What this task involves - Pull every line containing the word "YDim" from the records.

(Dataset entries)
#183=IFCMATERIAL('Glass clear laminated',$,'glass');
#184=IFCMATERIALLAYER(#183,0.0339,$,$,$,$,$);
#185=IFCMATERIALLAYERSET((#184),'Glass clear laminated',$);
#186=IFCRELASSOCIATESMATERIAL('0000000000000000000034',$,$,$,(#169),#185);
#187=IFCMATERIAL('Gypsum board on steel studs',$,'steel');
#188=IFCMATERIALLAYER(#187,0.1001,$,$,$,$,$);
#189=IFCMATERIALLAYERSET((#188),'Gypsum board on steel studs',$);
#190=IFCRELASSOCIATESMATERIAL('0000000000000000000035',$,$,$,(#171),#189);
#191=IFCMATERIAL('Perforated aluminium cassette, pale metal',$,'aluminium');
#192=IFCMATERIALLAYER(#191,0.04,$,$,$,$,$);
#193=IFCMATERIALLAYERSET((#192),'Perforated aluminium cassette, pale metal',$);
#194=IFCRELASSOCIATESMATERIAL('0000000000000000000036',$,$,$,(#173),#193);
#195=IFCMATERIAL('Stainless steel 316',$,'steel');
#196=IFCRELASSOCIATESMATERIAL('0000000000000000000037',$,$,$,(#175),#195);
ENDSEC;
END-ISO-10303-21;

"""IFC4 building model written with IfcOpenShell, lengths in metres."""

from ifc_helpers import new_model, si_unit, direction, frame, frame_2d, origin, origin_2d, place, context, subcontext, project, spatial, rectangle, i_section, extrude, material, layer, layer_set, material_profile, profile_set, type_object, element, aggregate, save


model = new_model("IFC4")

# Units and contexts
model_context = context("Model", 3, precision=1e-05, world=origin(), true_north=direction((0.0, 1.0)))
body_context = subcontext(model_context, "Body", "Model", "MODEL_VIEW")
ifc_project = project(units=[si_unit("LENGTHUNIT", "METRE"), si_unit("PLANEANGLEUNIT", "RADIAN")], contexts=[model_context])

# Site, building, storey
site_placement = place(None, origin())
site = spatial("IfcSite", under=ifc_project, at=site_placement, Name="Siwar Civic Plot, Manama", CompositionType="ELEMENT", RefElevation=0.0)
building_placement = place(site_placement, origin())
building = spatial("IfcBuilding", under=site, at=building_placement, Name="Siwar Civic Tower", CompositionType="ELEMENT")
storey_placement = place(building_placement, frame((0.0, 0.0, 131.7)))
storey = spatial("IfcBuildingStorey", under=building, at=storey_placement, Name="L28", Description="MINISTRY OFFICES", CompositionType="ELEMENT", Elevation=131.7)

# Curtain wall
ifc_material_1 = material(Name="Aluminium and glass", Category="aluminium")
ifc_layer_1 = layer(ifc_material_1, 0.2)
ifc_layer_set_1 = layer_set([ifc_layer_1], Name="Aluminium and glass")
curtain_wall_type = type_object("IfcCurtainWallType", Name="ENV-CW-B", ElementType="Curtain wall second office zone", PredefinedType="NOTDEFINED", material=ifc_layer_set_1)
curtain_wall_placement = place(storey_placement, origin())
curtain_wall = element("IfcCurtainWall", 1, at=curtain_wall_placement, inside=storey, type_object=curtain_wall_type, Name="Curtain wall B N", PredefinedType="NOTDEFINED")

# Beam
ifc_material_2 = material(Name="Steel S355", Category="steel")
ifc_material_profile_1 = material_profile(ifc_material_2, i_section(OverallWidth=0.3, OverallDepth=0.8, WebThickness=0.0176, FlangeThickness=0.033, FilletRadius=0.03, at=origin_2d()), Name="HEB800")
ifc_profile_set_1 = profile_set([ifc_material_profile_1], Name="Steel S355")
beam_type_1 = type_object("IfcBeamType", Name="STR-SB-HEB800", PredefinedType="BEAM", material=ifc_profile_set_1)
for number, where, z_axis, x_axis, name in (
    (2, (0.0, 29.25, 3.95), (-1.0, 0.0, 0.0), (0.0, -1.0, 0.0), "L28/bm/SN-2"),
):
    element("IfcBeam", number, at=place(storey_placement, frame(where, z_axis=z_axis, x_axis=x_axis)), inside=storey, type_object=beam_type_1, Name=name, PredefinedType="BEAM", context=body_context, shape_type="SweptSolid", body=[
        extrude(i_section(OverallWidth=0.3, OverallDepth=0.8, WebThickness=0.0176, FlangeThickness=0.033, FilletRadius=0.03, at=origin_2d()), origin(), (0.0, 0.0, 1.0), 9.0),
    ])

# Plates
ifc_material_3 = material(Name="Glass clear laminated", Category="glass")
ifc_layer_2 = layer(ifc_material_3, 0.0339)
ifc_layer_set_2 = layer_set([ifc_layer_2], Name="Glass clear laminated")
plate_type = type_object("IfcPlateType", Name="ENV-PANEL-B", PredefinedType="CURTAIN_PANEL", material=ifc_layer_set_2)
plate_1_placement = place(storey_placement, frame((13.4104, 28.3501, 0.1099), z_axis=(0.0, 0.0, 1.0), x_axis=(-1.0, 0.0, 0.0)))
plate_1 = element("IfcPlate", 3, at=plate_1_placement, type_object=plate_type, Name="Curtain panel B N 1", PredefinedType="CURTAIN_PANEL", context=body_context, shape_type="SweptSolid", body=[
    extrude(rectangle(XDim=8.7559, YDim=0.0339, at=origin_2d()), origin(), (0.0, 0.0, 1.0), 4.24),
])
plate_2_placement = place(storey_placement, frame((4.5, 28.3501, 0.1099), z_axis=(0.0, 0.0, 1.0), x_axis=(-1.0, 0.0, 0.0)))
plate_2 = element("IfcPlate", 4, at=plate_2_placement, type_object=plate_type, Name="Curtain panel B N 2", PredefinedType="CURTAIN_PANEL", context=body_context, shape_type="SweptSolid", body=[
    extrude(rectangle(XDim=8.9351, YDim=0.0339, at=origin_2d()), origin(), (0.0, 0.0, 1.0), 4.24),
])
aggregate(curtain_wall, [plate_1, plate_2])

Answer space -
    extrude(rectangle(XDim=8.7559, YDim=0.0339, at=origin_2d()), origin(), (0.0, 0.0, 1.0), 4.24),
    extrude(rectangle(XDim=8.9351, YDim=0.0339, at=origin_2d()), origin(), (0.0, 0.0, 1.0), 4.24),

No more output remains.